From the entries below, count every line that contains the word "BEAM". Please give the number and nothing else.

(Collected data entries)
§ §

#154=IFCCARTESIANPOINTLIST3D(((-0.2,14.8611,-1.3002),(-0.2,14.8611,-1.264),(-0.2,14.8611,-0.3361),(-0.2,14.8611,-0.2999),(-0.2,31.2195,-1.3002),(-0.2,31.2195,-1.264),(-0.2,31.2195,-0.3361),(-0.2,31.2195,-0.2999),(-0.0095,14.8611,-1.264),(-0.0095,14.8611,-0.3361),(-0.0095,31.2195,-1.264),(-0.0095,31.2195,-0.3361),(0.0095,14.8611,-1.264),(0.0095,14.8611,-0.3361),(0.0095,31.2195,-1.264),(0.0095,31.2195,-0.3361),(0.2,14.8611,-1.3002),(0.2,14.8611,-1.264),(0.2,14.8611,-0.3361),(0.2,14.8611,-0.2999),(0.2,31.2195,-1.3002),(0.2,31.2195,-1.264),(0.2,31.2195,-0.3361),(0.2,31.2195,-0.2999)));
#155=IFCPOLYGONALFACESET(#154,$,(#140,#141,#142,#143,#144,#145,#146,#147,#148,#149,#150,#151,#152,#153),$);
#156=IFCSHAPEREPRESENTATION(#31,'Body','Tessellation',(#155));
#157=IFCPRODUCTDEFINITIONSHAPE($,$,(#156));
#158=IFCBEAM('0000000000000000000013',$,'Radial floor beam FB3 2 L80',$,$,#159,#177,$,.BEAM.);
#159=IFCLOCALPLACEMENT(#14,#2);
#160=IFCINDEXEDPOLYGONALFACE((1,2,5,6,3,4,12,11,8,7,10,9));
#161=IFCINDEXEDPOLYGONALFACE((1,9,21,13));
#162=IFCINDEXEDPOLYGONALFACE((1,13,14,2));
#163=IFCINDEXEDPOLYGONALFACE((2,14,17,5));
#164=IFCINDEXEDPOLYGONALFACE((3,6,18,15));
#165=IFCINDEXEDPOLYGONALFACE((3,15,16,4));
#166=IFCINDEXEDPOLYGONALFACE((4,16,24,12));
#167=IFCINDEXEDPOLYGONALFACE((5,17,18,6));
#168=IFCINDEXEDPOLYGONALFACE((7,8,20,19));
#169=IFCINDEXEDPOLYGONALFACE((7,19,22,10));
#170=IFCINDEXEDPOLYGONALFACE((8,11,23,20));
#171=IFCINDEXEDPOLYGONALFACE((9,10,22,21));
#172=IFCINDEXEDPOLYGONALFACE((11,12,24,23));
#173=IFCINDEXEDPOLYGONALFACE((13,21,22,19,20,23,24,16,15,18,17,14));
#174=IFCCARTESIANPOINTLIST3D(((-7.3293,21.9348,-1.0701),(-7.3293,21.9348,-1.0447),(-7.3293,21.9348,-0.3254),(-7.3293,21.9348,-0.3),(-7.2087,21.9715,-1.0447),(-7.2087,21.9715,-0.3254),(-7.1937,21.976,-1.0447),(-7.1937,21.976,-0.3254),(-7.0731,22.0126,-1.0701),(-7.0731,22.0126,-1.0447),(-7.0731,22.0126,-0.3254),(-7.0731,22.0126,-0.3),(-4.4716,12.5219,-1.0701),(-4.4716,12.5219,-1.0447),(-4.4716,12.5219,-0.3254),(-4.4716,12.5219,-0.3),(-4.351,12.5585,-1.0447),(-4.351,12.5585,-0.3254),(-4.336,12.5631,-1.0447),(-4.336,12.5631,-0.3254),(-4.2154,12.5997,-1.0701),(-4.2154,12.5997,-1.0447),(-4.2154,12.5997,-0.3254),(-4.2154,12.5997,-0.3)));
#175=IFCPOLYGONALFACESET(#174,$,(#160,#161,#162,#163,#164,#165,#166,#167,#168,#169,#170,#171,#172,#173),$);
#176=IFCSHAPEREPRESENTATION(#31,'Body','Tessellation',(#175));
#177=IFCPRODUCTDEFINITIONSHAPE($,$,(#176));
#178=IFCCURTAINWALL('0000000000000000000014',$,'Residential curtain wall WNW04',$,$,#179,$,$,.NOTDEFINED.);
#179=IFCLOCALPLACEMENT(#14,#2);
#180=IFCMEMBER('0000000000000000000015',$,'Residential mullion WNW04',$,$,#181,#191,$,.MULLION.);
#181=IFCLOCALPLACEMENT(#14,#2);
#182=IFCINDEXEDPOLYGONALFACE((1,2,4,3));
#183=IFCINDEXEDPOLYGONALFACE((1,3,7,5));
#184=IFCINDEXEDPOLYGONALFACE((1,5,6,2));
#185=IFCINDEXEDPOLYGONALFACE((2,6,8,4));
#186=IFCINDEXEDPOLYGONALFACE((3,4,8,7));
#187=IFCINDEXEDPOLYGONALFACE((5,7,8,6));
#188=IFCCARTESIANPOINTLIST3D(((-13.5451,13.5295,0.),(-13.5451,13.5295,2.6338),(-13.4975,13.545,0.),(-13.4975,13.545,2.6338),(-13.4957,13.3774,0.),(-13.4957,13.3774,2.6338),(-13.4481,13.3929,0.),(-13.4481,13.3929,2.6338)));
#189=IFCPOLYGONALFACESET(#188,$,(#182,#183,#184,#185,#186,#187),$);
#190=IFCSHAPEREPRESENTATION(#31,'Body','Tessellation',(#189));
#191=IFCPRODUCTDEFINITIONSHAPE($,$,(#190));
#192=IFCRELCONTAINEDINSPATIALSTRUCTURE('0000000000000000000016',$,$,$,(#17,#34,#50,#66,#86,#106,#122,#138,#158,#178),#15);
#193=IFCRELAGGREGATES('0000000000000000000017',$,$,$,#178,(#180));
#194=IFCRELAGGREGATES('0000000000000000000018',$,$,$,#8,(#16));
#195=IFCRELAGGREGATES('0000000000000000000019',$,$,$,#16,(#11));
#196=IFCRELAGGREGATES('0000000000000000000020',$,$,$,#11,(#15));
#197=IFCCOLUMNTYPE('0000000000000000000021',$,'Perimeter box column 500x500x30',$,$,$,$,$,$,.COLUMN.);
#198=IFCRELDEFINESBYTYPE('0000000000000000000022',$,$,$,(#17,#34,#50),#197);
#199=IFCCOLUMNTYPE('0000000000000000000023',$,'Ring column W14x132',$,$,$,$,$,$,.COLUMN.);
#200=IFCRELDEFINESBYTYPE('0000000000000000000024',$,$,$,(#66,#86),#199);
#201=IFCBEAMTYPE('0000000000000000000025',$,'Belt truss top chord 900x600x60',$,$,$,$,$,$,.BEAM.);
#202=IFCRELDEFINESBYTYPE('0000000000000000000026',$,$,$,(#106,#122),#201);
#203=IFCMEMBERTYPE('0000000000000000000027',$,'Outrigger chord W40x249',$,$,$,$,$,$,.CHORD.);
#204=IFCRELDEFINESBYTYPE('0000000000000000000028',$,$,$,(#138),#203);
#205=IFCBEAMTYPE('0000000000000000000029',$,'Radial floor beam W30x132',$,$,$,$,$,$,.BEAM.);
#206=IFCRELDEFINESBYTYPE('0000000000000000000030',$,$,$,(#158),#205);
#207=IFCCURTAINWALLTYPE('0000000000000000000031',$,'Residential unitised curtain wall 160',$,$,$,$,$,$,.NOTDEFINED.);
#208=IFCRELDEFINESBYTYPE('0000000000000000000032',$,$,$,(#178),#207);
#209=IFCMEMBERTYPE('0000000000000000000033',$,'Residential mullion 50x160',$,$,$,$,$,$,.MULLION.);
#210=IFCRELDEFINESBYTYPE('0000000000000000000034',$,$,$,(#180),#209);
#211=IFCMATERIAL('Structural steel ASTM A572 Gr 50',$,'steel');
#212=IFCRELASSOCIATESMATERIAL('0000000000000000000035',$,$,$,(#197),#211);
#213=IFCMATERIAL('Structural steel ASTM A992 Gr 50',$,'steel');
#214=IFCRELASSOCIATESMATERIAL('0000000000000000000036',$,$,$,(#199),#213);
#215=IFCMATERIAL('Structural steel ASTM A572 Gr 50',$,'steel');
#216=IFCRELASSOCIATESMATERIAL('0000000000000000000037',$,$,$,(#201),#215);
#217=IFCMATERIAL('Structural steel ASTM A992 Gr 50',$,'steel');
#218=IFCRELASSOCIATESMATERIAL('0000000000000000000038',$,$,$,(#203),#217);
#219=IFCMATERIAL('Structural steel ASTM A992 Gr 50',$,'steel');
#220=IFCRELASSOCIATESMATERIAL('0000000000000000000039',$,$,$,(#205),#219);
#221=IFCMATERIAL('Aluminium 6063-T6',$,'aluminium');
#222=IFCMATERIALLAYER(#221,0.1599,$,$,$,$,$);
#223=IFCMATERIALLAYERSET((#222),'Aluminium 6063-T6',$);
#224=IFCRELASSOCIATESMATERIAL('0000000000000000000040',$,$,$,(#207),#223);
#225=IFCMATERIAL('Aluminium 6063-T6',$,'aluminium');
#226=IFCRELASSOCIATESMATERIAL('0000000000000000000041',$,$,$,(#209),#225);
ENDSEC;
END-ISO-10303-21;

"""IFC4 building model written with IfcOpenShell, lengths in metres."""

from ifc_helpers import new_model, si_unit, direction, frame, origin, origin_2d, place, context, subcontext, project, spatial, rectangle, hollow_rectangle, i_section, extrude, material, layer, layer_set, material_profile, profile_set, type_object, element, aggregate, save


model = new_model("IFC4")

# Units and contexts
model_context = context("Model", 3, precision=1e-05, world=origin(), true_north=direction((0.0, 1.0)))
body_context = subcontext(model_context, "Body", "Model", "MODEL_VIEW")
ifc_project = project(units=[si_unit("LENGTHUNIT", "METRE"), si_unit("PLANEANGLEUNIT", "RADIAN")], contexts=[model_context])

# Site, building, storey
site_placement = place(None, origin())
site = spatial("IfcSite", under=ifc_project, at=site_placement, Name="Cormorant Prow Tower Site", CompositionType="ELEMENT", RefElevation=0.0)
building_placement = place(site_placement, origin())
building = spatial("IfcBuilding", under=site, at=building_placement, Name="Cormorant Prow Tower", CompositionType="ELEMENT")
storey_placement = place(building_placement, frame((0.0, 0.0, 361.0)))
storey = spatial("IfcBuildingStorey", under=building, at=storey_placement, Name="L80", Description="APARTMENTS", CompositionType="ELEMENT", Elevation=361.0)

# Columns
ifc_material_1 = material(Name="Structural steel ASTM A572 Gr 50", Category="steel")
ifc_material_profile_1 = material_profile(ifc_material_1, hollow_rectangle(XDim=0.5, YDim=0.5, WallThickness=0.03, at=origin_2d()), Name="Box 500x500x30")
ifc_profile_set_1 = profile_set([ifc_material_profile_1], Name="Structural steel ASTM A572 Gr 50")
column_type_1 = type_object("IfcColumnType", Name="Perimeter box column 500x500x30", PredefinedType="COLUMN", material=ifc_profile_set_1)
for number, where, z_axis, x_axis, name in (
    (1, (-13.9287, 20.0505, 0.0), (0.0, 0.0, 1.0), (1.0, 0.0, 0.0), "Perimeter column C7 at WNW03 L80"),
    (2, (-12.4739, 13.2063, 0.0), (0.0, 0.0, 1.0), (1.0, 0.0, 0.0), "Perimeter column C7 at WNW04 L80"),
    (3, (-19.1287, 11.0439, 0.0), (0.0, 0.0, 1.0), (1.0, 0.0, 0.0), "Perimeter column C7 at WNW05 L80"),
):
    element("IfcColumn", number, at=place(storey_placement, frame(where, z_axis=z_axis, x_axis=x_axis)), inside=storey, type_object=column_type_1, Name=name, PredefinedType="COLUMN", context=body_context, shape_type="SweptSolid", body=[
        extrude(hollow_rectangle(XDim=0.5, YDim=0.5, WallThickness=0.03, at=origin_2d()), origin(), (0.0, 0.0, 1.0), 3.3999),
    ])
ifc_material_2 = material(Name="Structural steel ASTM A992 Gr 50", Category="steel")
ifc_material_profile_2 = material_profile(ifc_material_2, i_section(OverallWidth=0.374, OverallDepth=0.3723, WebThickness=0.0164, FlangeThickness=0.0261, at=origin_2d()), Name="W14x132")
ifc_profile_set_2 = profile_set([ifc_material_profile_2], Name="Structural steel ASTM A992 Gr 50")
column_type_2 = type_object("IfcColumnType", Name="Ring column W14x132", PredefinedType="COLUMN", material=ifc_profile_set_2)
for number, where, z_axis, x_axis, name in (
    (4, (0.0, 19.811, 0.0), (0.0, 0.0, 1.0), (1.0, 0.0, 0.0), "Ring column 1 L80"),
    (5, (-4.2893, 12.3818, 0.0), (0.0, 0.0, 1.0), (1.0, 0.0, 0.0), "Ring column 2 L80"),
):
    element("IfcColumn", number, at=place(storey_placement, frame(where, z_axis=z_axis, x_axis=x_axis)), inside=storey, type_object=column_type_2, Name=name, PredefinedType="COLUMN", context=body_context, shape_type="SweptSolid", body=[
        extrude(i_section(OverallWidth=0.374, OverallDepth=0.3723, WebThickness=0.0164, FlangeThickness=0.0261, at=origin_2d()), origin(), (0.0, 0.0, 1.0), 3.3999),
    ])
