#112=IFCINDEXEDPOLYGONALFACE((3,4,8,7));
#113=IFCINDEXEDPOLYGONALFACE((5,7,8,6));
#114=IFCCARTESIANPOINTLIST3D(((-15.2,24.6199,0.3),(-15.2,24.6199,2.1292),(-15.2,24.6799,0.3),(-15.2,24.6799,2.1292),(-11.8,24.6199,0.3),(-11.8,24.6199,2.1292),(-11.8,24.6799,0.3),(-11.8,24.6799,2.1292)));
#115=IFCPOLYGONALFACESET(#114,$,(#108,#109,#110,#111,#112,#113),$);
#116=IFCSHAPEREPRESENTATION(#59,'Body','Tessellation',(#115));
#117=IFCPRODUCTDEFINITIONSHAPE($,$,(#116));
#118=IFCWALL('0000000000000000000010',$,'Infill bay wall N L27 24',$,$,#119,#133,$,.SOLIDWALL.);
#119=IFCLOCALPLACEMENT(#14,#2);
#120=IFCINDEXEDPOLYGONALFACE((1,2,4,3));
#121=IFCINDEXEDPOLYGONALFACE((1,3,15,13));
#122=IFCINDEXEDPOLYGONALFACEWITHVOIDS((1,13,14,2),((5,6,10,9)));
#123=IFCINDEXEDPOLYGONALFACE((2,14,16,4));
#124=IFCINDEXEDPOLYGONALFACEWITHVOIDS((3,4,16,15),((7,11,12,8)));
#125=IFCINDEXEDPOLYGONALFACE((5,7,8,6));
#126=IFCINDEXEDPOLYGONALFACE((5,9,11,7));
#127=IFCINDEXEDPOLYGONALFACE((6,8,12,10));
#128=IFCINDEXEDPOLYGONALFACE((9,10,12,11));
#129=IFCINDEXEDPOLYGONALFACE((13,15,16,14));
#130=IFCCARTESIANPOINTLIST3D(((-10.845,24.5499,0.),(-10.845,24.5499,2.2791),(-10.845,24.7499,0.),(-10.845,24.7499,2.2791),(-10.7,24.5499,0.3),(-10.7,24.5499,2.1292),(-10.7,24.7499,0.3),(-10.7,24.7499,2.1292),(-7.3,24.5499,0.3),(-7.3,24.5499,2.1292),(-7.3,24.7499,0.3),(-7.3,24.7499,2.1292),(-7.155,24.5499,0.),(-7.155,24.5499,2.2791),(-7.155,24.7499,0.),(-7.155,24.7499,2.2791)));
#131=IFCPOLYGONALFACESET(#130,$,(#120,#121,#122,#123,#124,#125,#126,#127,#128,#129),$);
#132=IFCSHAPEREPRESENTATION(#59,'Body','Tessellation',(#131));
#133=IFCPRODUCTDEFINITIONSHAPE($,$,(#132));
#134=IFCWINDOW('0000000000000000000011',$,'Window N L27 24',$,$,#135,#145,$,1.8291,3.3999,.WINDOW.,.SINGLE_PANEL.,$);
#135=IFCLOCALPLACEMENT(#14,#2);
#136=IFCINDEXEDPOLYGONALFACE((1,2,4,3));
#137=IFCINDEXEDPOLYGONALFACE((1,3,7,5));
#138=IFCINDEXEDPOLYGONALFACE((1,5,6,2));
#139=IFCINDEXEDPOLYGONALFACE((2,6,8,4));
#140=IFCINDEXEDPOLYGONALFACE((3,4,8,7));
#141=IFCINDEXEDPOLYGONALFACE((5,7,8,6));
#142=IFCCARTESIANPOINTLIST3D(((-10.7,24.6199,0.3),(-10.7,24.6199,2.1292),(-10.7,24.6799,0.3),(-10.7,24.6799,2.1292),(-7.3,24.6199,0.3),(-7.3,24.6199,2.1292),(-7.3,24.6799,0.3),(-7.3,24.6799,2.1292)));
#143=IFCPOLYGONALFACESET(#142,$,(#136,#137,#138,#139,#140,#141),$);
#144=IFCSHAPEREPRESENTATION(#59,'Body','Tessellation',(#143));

§ §

WORKED SOLUTION:
3